» What you need to do
Word for word, return the lines from the top of the listing to the line containing "#12=IFCLOCALPLACEMENT(#10,#2);", both ends included, and no others.

********************

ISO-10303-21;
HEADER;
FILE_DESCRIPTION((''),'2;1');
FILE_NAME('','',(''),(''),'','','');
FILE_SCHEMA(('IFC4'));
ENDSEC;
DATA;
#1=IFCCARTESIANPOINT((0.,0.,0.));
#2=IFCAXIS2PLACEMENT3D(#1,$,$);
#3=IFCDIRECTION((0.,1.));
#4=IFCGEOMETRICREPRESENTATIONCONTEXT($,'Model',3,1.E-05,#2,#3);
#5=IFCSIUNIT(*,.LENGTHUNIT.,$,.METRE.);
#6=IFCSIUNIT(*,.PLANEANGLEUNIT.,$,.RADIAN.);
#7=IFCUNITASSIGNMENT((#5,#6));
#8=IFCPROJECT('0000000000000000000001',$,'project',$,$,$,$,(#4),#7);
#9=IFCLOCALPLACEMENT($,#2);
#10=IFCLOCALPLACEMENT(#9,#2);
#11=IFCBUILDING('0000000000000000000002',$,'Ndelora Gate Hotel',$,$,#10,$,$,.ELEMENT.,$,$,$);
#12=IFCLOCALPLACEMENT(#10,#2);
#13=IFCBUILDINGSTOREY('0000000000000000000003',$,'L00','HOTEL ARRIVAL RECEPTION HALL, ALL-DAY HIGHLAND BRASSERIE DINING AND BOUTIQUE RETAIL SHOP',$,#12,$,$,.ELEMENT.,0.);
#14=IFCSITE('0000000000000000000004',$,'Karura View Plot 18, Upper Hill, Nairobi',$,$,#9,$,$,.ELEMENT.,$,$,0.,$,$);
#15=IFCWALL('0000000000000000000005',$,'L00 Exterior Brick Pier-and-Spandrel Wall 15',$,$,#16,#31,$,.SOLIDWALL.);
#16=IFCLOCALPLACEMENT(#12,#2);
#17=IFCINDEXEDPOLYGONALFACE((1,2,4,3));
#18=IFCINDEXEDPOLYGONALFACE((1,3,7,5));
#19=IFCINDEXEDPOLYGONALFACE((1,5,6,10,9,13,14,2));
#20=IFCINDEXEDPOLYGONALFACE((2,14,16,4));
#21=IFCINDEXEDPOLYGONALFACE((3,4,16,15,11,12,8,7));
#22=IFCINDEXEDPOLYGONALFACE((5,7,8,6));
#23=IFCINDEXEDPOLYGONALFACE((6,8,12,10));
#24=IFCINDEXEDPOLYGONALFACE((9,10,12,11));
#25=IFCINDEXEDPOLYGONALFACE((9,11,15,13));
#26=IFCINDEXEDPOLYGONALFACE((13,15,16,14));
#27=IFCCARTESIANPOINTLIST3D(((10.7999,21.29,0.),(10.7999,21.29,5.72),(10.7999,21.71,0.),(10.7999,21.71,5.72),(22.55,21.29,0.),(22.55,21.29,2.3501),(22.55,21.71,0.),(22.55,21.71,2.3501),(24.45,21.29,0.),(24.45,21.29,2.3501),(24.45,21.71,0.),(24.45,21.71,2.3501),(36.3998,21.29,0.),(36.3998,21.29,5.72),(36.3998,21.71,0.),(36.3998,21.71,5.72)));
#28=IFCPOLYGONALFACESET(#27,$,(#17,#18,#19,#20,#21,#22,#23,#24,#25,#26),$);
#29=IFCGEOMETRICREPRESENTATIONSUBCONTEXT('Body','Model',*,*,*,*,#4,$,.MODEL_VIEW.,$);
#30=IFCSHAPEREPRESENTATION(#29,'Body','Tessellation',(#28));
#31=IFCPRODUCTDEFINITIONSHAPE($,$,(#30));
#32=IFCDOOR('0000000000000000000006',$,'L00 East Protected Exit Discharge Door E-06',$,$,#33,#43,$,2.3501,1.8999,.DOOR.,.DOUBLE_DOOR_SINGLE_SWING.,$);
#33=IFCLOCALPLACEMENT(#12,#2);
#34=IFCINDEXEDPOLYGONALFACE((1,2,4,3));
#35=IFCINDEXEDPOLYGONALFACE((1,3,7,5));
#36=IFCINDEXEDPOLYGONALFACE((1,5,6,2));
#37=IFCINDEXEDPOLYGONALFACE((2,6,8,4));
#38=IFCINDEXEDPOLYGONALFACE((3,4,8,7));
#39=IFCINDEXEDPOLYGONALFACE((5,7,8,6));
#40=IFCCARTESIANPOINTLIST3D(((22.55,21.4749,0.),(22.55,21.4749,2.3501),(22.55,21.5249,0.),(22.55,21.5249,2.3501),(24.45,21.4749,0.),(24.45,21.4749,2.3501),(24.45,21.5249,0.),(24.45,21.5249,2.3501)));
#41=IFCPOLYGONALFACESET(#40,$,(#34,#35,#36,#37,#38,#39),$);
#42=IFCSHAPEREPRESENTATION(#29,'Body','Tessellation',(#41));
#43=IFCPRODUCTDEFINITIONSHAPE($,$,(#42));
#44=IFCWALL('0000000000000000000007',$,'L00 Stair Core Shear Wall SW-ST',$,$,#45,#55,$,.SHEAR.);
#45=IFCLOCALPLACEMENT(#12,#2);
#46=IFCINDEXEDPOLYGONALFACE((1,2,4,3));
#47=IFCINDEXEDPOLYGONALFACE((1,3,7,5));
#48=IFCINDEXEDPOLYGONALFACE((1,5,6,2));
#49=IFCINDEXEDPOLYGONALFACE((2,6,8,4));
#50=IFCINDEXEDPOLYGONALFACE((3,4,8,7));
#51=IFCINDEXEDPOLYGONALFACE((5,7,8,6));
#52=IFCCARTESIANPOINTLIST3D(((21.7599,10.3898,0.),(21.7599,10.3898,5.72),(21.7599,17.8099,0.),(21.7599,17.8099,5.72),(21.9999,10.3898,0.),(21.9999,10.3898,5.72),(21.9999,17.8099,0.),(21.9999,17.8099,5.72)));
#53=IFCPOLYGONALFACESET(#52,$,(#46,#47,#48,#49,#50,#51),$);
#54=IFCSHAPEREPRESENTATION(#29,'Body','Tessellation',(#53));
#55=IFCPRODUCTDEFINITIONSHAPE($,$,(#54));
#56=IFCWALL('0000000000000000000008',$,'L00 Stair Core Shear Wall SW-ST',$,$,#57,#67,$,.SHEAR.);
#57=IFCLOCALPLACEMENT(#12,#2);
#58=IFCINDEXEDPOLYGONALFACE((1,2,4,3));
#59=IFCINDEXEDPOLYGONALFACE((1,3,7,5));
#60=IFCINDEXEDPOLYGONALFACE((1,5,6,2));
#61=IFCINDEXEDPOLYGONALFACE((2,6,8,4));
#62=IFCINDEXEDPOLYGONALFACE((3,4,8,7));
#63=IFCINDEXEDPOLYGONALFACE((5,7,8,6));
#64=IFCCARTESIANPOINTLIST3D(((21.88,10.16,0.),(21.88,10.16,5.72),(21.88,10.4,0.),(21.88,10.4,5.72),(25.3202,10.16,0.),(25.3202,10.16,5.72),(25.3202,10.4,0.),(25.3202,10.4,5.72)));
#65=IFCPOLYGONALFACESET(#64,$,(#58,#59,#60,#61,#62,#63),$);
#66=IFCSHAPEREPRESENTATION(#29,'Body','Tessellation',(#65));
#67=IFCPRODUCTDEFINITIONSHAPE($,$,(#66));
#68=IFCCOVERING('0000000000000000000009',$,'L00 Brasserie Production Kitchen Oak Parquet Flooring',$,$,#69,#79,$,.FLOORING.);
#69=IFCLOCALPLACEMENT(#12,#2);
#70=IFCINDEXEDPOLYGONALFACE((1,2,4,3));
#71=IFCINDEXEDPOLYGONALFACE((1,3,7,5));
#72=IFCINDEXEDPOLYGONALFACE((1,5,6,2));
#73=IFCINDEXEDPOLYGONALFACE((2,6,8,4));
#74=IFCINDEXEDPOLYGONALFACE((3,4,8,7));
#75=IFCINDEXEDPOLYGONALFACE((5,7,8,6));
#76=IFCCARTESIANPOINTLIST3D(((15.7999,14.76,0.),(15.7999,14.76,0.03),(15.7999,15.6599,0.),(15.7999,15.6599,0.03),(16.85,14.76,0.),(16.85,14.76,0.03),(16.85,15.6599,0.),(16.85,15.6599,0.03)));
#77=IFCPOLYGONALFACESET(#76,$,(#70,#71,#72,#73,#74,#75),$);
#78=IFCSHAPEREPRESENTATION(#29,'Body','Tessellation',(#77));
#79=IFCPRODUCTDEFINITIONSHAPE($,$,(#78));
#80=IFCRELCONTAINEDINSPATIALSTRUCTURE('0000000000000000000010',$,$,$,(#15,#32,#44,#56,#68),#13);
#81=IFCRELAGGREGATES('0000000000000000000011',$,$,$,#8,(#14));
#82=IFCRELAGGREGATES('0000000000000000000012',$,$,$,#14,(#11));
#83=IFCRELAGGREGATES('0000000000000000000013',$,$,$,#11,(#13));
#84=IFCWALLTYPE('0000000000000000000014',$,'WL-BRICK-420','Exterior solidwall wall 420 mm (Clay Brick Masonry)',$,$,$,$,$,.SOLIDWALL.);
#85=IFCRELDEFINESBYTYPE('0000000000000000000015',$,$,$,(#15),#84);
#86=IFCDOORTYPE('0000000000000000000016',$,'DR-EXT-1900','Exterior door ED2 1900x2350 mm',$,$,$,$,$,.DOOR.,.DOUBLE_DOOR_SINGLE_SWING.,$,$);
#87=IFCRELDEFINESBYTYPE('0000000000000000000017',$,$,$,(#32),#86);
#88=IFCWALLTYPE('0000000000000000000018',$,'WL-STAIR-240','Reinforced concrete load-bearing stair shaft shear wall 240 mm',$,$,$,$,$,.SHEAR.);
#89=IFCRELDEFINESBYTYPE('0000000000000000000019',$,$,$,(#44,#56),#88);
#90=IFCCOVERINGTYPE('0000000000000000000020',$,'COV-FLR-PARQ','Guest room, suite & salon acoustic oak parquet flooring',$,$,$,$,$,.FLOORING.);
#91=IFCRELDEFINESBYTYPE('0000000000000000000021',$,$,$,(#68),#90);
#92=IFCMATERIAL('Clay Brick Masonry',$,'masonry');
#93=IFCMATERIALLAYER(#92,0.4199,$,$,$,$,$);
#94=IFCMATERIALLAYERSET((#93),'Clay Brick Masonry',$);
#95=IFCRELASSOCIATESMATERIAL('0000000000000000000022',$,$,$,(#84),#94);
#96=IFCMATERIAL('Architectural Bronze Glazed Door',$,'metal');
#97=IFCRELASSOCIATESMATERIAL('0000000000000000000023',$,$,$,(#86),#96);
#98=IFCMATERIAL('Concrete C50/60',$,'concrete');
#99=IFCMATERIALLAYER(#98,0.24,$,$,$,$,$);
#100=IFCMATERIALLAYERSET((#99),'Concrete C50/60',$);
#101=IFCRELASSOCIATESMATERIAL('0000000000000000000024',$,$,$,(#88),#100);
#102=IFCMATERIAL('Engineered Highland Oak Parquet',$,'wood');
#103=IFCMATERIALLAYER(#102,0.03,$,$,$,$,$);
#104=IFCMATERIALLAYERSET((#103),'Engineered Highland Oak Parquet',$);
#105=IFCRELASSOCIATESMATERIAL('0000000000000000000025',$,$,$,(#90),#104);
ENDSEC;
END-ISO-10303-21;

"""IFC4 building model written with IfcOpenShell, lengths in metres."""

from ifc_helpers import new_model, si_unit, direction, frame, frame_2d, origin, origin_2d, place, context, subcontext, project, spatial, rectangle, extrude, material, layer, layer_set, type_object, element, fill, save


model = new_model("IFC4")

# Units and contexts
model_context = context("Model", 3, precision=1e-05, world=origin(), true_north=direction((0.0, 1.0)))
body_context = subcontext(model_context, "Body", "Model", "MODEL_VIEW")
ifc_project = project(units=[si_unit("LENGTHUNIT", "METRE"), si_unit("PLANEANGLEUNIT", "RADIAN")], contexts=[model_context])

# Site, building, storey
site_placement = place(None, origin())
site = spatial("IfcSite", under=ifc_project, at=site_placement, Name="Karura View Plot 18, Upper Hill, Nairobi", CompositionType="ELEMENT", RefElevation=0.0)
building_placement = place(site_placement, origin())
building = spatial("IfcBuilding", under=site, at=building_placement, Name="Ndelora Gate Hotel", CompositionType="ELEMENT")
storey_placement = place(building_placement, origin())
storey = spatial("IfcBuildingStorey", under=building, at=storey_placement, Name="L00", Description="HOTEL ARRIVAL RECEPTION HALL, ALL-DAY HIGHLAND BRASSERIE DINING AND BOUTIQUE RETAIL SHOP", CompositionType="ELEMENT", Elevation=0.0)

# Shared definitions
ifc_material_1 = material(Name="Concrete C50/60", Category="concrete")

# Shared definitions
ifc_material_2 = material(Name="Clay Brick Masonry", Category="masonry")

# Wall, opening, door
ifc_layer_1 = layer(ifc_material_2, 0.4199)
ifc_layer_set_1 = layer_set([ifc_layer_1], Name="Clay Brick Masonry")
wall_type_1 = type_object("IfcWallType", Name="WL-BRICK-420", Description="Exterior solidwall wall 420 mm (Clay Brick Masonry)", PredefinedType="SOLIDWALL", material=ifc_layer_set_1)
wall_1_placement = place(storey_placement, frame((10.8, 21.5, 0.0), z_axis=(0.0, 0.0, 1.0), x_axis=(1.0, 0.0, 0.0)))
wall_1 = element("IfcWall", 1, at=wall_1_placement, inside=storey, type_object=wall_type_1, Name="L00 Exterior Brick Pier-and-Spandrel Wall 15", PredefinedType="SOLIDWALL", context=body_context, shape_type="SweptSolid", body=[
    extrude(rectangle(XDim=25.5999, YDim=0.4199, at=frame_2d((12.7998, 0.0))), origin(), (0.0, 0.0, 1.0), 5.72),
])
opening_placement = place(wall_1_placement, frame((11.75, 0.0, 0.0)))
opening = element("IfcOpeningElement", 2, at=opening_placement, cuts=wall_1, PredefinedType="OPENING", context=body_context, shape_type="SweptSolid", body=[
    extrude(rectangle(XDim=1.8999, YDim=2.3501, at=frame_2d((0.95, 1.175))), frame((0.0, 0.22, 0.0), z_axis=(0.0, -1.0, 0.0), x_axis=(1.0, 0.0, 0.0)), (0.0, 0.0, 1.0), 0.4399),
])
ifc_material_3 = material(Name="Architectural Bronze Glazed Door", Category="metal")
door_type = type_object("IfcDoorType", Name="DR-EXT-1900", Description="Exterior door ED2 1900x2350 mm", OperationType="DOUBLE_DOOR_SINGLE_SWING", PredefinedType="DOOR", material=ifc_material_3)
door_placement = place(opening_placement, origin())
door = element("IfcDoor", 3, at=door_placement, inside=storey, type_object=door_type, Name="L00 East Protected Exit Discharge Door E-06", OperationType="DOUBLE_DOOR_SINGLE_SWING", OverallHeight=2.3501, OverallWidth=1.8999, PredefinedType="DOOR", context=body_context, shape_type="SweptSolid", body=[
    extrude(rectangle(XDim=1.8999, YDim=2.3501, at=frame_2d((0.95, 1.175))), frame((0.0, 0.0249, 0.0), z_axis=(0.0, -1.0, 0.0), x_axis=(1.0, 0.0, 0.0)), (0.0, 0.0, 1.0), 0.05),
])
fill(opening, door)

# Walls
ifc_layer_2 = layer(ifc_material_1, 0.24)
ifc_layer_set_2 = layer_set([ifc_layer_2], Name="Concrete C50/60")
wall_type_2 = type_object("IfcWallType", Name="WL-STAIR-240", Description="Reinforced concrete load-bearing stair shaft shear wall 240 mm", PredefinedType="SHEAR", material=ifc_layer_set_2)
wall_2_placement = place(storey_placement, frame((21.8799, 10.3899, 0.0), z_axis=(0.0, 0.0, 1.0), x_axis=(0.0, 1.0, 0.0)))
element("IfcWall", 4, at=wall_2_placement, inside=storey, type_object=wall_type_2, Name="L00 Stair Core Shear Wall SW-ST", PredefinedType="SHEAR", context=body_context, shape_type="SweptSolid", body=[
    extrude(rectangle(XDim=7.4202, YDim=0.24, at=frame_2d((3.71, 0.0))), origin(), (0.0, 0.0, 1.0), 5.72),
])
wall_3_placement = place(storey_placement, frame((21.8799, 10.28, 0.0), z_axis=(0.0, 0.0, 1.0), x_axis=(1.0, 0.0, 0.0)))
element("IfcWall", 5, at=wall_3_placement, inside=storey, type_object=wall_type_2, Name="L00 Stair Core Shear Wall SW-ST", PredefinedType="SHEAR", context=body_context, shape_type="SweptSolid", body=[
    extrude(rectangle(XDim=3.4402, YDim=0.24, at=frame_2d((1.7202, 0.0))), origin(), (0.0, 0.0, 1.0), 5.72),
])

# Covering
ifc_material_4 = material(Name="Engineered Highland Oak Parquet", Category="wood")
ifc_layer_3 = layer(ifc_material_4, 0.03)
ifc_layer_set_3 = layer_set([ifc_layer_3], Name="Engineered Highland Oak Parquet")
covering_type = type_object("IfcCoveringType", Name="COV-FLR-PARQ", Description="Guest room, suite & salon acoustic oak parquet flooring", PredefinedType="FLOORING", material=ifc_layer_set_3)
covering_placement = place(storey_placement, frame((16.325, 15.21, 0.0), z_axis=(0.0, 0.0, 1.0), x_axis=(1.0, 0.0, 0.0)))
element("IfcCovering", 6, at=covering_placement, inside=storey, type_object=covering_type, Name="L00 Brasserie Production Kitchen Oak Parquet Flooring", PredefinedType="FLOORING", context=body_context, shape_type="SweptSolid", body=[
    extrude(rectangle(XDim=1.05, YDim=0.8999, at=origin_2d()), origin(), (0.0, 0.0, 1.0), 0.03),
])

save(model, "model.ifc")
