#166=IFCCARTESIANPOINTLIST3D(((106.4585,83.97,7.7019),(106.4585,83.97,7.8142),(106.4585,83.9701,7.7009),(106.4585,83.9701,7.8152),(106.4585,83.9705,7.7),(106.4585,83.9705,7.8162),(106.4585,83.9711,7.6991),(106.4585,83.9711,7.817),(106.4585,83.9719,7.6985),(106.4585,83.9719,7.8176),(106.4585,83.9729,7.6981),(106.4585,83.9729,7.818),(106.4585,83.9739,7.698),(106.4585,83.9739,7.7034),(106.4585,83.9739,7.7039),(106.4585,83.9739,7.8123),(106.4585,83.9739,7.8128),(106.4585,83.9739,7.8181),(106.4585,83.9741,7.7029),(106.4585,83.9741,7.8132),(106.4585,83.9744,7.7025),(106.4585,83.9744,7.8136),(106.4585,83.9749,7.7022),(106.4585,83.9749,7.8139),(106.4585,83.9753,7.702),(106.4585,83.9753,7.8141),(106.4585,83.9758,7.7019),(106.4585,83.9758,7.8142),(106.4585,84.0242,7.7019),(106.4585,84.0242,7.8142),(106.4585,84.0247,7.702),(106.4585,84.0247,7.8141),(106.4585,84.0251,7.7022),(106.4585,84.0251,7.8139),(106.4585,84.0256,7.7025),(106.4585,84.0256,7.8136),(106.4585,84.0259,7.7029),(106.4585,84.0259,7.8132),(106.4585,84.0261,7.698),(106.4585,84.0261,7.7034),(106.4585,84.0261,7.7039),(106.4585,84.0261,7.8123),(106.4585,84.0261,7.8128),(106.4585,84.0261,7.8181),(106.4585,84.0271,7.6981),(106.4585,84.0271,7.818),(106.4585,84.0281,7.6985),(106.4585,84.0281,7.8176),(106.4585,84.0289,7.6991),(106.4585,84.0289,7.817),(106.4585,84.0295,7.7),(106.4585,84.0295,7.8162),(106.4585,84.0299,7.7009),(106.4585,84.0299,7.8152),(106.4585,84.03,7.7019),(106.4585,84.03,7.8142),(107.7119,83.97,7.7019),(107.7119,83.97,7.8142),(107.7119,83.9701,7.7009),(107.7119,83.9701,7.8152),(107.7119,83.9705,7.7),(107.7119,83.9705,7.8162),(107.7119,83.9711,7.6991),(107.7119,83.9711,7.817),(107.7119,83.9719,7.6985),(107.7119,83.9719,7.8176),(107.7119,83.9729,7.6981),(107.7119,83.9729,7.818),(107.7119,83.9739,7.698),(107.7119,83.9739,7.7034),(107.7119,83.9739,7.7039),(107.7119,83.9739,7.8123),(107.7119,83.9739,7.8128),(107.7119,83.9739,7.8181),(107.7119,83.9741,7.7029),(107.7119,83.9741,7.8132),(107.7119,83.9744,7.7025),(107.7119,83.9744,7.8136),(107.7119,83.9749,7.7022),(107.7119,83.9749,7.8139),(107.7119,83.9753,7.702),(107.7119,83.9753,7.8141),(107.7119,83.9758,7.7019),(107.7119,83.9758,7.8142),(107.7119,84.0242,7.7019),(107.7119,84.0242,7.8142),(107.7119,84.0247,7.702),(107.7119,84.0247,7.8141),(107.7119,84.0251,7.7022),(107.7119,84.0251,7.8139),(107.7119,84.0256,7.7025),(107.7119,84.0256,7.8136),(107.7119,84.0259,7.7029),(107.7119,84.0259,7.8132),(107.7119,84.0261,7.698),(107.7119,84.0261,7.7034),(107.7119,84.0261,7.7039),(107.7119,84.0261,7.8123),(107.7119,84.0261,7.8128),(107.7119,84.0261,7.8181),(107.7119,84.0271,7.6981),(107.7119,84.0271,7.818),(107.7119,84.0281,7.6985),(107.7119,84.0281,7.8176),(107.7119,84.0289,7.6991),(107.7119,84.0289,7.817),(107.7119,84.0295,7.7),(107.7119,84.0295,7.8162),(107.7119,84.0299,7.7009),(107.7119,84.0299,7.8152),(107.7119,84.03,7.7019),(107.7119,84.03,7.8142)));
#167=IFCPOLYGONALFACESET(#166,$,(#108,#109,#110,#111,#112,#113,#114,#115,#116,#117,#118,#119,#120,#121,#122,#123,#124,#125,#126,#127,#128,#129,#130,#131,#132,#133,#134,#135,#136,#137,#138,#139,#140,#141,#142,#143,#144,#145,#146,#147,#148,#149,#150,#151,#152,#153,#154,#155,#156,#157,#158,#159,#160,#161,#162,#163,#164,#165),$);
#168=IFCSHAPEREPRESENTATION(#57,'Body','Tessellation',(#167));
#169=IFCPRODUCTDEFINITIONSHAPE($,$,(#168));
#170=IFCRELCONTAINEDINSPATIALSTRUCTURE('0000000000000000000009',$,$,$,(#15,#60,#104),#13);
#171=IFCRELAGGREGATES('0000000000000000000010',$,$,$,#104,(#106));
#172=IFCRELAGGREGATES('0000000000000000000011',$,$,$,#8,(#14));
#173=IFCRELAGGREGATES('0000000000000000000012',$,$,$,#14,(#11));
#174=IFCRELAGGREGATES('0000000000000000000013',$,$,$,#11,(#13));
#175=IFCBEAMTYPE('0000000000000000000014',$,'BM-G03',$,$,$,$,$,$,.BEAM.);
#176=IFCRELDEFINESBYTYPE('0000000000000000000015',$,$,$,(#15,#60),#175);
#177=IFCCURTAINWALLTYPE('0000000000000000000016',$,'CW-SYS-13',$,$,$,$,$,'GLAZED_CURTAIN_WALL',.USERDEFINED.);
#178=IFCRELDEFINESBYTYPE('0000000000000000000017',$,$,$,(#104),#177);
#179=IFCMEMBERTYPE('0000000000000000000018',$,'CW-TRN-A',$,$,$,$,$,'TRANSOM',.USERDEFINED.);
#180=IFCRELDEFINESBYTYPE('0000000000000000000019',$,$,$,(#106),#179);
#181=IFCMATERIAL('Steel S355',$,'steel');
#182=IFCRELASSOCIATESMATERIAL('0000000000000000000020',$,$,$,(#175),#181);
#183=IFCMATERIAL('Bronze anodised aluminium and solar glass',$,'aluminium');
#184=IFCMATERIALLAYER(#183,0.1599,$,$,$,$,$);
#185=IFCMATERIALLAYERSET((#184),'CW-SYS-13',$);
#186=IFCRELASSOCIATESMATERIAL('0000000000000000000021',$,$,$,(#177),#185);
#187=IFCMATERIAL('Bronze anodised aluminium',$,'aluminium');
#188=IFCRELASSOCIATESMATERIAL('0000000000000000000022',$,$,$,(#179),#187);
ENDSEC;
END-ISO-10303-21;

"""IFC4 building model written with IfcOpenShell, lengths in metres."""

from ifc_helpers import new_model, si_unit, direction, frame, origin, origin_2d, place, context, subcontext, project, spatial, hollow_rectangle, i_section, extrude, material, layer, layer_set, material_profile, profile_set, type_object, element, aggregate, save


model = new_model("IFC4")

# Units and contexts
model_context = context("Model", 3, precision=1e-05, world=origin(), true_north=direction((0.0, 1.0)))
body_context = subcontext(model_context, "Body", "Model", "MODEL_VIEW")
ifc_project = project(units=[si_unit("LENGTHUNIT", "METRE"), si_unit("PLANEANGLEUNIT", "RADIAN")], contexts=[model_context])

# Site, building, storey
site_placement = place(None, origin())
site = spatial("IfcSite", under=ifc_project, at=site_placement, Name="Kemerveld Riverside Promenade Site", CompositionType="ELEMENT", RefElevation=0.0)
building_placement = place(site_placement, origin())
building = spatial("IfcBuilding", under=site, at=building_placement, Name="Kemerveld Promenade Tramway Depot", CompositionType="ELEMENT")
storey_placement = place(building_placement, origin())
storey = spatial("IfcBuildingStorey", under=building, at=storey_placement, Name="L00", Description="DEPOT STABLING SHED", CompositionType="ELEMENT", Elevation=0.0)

********************

» Solution below
ISO-10303-21;
HEADER;
FILE_DESCRIPTION((''),'2;1');
FILE_NAME('','',(''),(''),'','','');
FILE_SCHEMA(('IFC4'));
ENDSEC;
DATA;
#1=IFCCARTESIANPOINT((0.,0.,0.));
#2=IFCAXIS2PLACEMENT3D(#1,$,$);
#3=IFCDIRECTION((0.,1.));
#4=IFCGEOMETRICREPRESENTATIONCONTEXT($,'Model',3,1.E-05,#2,#3);
#5=IFCSIUNIT(*,.LENGTHUNIT.,$,.METRE.);
#6=IFCSIUNIT(*,.PLANEANGLEUNIT.,$,.RADIAN.);
#7=IFCUNITASSIGNMENT((#5,#6));
#8=IFCPROJECT('0000000000000000000001',$,'project',$,$,$,$,(#4),#7);
#9=IFCLOCALPLACEMENT($,#2);
#10=IFCLOCALPLACEMENT(#9,#2);
#11=IFCBUILDING('0000000000000000000002',$,'Ndelora Gate Hotel',$,$,#10,$,$,.ELEMENT.,$,$,$);
#12=IFCLOCALPLACEMENT(#10,#2);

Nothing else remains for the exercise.